### [ENTRIES SUPPLIED]

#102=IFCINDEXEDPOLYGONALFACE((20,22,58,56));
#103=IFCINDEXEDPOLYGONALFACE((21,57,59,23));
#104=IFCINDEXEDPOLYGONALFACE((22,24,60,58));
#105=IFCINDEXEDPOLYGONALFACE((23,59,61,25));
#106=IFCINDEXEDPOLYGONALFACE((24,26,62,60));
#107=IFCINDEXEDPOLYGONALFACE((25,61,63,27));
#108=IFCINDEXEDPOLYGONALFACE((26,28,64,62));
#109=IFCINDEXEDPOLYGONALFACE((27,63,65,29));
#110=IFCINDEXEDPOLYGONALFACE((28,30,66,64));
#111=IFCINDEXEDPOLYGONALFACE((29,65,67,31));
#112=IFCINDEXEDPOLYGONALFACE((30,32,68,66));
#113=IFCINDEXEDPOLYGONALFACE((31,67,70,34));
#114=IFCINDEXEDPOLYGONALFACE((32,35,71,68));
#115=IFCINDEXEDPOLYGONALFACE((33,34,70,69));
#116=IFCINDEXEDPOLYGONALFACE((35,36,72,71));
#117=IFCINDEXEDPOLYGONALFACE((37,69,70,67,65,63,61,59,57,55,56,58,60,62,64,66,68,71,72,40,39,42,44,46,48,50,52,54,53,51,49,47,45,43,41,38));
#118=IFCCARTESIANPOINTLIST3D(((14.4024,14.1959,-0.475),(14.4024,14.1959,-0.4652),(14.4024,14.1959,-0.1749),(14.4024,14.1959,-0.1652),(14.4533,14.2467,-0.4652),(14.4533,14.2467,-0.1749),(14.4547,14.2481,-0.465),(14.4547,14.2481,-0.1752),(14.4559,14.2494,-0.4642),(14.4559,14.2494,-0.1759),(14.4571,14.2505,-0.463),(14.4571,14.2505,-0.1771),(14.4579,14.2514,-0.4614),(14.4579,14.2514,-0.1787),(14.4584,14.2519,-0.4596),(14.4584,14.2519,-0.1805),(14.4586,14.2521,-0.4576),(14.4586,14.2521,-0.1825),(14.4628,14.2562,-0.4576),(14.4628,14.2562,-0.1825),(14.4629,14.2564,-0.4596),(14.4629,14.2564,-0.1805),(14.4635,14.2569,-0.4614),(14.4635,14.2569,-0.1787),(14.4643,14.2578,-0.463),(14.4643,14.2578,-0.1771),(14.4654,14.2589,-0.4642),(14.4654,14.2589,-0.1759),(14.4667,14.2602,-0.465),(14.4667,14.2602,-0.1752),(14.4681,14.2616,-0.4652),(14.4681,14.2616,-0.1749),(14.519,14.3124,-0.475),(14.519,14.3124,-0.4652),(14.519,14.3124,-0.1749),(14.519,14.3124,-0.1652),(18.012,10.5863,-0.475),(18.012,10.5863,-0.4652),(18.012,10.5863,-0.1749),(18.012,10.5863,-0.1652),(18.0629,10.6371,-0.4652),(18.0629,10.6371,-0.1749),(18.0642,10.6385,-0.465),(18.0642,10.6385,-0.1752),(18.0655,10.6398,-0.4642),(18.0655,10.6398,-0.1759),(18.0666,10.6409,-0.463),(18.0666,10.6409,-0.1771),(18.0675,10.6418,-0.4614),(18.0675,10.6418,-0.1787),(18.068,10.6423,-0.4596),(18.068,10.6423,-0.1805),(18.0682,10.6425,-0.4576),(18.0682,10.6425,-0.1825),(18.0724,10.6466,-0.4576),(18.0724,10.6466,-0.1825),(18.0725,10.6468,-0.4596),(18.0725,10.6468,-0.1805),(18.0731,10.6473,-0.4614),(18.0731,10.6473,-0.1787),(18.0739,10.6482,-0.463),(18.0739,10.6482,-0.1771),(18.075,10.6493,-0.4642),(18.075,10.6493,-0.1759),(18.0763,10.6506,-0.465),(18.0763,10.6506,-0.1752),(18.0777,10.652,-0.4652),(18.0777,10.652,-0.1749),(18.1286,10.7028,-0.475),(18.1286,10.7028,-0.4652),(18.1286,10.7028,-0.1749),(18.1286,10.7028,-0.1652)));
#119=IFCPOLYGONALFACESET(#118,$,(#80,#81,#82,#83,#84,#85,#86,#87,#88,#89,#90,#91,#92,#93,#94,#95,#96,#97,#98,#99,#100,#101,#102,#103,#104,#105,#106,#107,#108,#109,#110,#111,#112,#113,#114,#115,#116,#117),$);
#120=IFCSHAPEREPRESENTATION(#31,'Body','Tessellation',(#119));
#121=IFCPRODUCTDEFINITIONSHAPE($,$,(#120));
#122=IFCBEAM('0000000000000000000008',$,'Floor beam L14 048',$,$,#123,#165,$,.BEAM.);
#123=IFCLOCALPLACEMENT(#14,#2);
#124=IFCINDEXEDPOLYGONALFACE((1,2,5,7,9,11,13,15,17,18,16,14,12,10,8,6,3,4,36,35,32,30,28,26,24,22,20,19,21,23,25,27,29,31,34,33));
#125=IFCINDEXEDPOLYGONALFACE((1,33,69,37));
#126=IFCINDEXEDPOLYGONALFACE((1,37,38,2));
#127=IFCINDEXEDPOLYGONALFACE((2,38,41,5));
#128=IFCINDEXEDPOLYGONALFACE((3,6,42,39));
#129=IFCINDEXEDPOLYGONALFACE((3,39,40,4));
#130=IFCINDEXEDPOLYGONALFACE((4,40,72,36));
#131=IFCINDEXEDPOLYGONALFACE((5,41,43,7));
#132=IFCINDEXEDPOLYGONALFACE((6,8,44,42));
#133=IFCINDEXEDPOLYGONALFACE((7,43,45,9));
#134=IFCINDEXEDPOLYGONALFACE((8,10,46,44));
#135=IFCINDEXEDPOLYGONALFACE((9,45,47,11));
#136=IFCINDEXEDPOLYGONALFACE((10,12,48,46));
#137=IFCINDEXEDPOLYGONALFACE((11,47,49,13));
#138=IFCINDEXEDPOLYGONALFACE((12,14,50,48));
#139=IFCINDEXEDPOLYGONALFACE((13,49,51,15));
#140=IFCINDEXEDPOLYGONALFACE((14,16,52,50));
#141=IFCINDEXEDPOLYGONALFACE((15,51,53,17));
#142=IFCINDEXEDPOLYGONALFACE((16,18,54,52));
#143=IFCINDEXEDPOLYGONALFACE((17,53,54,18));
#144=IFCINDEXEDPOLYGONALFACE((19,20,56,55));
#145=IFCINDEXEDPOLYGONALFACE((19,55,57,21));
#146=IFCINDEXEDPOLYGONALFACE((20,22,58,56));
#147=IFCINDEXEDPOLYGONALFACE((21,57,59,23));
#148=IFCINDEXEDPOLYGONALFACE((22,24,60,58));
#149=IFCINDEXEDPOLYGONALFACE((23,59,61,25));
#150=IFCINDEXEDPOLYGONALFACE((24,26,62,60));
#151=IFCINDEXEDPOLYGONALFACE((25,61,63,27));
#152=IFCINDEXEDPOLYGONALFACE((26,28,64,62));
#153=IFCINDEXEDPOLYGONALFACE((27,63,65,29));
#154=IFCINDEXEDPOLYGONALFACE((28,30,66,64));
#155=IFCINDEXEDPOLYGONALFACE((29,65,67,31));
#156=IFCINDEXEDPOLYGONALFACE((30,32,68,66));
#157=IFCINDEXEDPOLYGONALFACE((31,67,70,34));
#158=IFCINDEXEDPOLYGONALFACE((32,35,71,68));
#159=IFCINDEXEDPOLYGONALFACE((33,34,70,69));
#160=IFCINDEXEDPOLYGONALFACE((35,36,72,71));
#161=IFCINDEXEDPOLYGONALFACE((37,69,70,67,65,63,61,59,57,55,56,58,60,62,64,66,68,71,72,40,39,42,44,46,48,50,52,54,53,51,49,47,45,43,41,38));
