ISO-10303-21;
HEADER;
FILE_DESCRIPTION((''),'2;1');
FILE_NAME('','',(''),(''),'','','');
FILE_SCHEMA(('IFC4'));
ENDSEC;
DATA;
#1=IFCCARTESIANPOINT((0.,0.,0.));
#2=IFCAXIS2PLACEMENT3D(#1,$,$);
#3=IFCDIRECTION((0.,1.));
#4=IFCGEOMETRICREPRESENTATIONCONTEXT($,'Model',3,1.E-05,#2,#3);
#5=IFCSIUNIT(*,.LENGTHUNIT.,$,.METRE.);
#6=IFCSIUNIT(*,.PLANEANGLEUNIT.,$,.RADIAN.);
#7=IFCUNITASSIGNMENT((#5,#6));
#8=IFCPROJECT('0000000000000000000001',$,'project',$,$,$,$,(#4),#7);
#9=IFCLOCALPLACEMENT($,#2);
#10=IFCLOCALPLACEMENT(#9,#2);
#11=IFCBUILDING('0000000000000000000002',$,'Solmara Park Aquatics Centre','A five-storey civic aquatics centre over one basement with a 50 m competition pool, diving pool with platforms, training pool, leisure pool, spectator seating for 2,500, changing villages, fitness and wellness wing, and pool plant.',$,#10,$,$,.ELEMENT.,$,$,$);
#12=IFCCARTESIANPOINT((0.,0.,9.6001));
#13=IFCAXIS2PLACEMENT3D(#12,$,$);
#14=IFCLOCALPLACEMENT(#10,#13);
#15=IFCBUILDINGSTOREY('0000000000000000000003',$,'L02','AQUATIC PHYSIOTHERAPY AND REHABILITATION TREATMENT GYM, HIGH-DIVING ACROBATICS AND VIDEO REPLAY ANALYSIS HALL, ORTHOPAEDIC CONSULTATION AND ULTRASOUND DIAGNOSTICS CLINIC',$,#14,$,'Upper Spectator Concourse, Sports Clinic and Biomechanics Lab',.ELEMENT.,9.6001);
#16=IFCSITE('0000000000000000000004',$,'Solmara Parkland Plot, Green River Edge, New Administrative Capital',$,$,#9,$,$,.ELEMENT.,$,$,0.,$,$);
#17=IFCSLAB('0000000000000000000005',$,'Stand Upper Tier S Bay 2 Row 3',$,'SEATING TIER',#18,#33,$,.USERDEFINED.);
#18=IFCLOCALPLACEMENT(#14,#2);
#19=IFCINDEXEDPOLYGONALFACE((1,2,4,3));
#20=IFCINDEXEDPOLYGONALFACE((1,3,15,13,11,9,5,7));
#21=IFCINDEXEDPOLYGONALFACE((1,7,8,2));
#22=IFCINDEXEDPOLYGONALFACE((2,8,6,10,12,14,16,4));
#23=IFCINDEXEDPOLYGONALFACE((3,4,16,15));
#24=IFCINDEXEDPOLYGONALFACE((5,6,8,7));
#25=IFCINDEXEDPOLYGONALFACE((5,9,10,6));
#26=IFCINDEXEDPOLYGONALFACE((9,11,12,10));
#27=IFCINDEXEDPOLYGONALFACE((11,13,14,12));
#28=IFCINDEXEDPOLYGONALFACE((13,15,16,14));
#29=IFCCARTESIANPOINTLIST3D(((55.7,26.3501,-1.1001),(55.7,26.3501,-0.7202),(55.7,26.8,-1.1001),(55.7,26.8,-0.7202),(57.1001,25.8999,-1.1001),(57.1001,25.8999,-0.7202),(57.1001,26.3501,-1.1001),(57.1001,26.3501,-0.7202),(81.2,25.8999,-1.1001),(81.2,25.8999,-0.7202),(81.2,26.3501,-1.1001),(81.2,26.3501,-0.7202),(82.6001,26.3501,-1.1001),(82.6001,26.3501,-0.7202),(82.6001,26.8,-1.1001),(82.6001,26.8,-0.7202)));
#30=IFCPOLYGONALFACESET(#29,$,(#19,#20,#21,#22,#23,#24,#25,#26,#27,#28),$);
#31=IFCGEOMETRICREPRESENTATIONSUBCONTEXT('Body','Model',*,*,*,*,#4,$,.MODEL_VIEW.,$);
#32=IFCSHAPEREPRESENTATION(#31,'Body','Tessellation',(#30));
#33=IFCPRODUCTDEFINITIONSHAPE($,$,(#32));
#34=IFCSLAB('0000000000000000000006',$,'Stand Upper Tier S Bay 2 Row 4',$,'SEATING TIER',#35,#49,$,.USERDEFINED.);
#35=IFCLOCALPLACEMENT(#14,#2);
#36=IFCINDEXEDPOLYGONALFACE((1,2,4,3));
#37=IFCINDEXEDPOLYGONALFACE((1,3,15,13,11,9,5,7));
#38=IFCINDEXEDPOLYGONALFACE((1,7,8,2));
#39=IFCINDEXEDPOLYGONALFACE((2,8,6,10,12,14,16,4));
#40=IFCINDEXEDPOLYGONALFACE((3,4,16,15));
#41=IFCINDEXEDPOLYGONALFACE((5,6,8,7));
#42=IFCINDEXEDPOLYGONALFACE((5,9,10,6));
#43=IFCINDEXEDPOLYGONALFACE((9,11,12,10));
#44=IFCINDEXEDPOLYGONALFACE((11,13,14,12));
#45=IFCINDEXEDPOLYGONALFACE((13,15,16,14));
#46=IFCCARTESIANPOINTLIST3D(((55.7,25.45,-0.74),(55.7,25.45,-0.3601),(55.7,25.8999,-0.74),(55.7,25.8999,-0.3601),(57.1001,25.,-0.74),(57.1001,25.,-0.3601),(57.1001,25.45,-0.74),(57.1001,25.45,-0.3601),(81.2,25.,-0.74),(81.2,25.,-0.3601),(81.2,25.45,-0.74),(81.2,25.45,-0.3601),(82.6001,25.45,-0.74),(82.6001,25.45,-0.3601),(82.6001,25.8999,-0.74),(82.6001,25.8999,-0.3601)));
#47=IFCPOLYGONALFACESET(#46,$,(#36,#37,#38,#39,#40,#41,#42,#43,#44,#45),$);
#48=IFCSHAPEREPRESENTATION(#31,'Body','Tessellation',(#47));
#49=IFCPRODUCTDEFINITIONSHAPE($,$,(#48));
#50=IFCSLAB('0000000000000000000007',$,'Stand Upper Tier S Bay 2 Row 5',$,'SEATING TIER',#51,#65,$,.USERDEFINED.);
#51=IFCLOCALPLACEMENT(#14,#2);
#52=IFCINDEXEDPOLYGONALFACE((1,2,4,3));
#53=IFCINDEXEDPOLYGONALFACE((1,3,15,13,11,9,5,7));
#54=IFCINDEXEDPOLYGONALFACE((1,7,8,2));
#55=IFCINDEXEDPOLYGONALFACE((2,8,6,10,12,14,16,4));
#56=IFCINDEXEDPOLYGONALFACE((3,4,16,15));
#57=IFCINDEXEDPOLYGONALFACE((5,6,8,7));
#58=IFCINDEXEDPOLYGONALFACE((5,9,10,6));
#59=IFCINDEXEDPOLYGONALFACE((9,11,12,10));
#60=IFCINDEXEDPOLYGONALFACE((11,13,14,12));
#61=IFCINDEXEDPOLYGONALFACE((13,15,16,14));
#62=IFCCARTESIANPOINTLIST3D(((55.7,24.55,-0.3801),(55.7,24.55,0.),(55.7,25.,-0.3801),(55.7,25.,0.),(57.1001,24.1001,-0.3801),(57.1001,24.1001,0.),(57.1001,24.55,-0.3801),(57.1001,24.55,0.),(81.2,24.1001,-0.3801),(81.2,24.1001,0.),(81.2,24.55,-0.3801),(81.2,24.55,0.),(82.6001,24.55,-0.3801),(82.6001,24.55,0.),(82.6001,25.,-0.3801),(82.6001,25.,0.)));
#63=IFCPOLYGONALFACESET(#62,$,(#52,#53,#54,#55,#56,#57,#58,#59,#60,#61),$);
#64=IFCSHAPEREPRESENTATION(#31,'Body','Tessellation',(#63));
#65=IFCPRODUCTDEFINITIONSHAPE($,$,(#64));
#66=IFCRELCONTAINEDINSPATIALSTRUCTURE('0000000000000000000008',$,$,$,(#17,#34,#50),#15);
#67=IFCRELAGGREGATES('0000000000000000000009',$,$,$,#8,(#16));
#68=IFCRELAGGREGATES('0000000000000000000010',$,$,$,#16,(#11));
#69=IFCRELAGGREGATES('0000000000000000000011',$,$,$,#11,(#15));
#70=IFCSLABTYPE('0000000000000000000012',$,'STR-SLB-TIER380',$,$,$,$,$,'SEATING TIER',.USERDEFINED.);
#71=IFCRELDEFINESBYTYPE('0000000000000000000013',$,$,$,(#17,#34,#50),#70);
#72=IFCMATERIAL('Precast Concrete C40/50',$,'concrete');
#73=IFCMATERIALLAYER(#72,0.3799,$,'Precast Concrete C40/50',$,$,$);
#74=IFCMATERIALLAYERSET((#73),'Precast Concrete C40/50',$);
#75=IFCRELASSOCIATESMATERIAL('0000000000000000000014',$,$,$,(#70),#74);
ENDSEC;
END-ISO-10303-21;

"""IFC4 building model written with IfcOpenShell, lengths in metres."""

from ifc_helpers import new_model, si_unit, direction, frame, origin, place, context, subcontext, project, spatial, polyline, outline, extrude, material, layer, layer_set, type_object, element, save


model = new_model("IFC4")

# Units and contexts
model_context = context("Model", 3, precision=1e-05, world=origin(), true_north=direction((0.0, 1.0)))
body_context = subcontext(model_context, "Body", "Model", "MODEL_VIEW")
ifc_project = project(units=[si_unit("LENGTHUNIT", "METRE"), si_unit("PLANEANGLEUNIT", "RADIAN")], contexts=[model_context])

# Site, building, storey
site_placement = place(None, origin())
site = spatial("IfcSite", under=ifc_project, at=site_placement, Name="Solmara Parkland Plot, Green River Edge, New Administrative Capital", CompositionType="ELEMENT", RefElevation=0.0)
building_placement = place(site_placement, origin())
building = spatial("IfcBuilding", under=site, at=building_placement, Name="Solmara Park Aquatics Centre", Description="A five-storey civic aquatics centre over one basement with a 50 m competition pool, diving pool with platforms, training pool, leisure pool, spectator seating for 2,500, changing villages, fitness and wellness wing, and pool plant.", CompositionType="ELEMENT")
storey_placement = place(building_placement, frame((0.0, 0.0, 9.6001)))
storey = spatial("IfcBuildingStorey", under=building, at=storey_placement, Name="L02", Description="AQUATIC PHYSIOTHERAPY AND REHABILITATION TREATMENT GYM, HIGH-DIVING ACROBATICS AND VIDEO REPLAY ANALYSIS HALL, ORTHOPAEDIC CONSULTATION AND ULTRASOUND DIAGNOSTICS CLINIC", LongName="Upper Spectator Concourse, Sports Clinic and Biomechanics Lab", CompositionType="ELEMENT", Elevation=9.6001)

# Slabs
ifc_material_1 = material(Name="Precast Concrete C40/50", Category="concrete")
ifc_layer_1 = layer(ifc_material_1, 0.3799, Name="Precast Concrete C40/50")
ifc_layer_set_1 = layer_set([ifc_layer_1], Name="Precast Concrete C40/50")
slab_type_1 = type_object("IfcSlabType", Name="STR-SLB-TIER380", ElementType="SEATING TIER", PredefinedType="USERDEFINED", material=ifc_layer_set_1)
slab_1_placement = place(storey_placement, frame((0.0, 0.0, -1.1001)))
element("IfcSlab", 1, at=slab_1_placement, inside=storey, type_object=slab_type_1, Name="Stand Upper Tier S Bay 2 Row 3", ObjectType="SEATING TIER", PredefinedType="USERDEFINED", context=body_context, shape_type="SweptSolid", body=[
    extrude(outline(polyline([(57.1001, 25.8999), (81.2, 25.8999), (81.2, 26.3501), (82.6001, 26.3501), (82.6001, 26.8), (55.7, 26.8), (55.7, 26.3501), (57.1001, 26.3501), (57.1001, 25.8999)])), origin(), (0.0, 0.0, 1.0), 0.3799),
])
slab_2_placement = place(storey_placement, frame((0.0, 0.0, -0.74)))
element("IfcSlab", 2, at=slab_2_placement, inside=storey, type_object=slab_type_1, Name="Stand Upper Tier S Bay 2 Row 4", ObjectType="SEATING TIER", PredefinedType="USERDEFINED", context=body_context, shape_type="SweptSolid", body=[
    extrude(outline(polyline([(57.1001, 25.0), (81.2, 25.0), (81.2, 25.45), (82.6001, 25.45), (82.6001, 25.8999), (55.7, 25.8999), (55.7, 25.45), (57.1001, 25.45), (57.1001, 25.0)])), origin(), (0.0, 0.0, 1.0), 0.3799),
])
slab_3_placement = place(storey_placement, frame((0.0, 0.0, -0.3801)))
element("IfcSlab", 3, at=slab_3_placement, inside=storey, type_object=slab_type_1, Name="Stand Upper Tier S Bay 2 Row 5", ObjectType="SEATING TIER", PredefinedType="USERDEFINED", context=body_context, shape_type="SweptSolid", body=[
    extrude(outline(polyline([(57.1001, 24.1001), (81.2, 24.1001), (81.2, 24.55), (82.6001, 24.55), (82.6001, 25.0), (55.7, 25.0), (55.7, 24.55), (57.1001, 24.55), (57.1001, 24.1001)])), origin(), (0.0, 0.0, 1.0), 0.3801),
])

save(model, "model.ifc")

--

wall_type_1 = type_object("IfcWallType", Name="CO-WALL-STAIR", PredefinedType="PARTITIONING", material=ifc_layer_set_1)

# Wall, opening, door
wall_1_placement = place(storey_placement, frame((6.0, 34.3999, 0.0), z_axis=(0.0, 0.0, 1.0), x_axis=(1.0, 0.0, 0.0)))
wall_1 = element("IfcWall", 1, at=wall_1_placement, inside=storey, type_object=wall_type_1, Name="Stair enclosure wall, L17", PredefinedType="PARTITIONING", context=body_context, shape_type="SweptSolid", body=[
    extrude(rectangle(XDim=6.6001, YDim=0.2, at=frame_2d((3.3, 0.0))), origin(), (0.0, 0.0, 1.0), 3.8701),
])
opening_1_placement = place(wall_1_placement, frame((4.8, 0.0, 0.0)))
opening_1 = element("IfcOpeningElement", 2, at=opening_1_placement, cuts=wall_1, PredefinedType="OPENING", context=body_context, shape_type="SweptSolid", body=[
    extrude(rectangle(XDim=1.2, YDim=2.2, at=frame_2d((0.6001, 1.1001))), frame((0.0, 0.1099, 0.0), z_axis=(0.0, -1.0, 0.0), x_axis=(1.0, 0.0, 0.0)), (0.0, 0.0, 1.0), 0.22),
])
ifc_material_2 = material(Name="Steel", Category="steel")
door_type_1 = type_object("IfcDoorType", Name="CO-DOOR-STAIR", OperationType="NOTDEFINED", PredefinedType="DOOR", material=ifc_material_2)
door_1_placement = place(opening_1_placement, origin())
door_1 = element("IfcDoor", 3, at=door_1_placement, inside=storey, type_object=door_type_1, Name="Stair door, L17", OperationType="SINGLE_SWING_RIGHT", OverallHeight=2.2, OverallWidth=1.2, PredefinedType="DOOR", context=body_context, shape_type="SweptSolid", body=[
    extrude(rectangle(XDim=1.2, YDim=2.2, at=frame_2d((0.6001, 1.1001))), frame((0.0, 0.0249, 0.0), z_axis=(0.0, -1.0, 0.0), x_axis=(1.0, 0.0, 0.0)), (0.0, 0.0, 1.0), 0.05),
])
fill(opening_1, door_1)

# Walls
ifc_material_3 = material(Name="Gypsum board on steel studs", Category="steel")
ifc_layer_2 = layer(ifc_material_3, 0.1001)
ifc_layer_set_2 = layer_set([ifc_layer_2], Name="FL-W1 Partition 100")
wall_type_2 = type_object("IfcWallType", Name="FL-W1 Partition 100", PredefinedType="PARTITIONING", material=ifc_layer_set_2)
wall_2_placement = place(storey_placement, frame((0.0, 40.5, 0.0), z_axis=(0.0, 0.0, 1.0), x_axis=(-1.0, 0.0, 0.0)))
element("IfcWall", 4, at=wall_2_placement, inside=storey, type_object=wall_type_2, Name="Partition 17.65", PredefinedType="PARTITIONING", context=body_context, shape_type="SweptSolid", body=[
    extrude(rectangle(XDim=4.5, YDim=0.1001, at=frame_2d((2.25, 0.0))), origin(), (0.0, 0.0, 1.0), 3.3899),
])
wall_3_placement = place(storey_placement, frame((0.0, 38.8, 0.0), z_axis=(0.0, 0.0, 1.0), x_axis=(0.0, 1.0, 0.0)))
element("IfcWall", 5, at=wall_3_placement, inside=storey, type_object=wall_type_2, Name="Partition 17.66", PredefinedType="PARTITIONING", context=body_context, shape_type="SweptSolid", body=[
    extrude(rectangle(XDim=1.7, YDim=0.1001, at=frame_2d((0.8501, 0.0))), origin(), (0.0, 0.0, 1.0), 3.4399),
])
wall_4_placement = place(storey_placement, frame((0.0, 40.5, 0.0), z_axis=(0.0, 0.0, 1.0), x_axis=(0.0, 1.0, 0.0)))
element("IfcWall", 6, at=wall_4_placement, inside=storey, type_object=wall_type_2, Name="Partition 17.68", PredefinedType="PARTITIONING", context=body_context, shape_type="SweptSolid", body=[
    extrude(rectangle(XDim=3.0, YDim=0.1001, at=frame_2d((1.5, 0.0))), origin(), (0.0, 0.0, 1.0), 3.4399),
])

* * *

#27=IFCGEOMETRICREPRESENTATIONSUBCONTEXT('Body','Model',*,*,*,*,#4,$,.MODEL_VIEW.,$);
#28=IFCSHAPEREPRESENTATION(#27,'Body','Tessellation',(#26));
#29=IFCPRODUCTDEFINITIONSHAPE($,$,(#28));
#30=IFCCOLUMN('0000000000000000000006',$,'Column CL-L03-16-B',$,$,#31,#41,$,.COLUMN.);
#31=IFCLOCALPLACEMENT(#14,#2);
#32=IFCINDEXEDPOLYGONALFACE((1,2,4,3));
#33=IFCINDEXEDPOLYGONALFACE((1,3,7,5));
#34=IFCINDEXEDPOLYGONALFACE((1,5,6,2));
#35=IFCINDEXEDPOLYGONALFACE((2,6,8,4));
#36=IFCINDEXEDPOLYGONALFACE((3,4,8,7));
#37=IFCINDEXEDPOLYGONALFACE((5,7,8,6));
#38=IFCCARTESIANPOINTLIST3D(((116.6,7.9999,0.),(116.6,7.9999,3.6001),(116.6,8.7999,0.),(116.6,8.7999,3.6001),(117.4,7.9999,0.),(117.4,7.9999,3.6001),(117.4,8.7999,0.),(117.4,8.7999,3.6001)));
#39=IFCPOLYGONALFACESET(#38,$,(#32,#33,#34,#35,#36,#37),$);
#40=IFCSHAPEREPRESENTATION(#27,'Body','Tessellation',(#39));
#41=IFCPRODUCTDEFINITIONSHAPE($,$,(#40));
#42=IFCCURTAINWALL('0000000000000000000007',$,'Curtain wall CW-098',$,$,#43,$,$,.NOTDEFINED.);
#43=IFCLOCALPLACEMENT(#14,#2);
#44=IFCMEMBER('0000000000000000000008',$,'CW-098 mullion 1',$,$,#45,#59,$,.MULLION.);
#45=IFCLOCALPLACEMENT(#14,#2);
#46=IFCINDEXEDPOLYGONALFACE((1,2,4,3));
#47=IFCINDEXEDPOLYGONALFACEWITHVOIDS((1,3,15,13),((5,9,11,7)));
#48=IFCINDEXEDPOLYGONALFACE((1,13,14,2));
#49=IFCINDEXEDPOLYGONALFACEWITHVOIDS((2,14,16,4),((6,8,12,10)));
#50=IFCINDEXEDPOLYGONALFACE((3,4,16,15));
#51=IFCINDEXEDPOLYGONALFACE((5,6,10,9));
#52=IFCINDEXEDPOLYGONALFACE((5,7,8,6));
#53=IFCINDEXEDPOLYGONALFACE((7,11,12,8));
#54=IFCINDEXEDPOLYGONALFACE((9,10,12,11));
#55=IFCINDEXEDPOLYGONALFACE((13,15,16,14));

### [TASK DIRECTIONS]
Restate word for word the entries above, starting at the line with "#132=IFCINDEXEDPOLYGONALFACE((6,8,44,42));" and ending at the line with "#148=IFCINDEXEDPOLYGONALFACE((22,24,60,58));", inclusive, and no others.

### [OUTPUT FOR THIS TASK]
#132=IFCINDEXEDPOLYGONALFACE((6,8,44,42));
#133=IFCINDEXEDPOLYGONALFACE((7,43,45,9));
#134=IFCINDEXEDPOLYGONALFACE((8,10,46,44));
#135=IFCINDEXEDPOLYGONALFACE((9,45,47,11));
#136=IFCINDEXEDPOLYGONALFACE((10,12,48,46));
#137=IFCINDEXEDPOLYGONALFACE((11,47,49,13));
#138=IFCINDEXEDPOLYGONALFACE((12,14,50,48));
#139=IFCINDEXEDPOLYGONALFACE((13,49,51,15));
#140=IFCINDEXEDPOLYGONALFACE((14,16,52,50));
#141=IFCINDEXEDPOLYGONALFACE((15,51,53,17));
#142=IFCINDEXEDPOLYGONALFACE((16,18,54,52));
#143=IFCINDEXEDPOLYGONALFACE((17,53,54,18));
#144=IFCINDEXEDPOLYGONALFACE((19,20,56,55));
#145=IFCINDEXEDPOLYGONALFACE((19,55,57,21));
#146=IFCINDEXEDPOLYGONALFACE((20,22,58,56));
#147=IFCINDEXEDPOLYGONALFACE((21,57,59,23));
#148=IFCINDEXEDPOLYGONALFACE((22,24,60,58));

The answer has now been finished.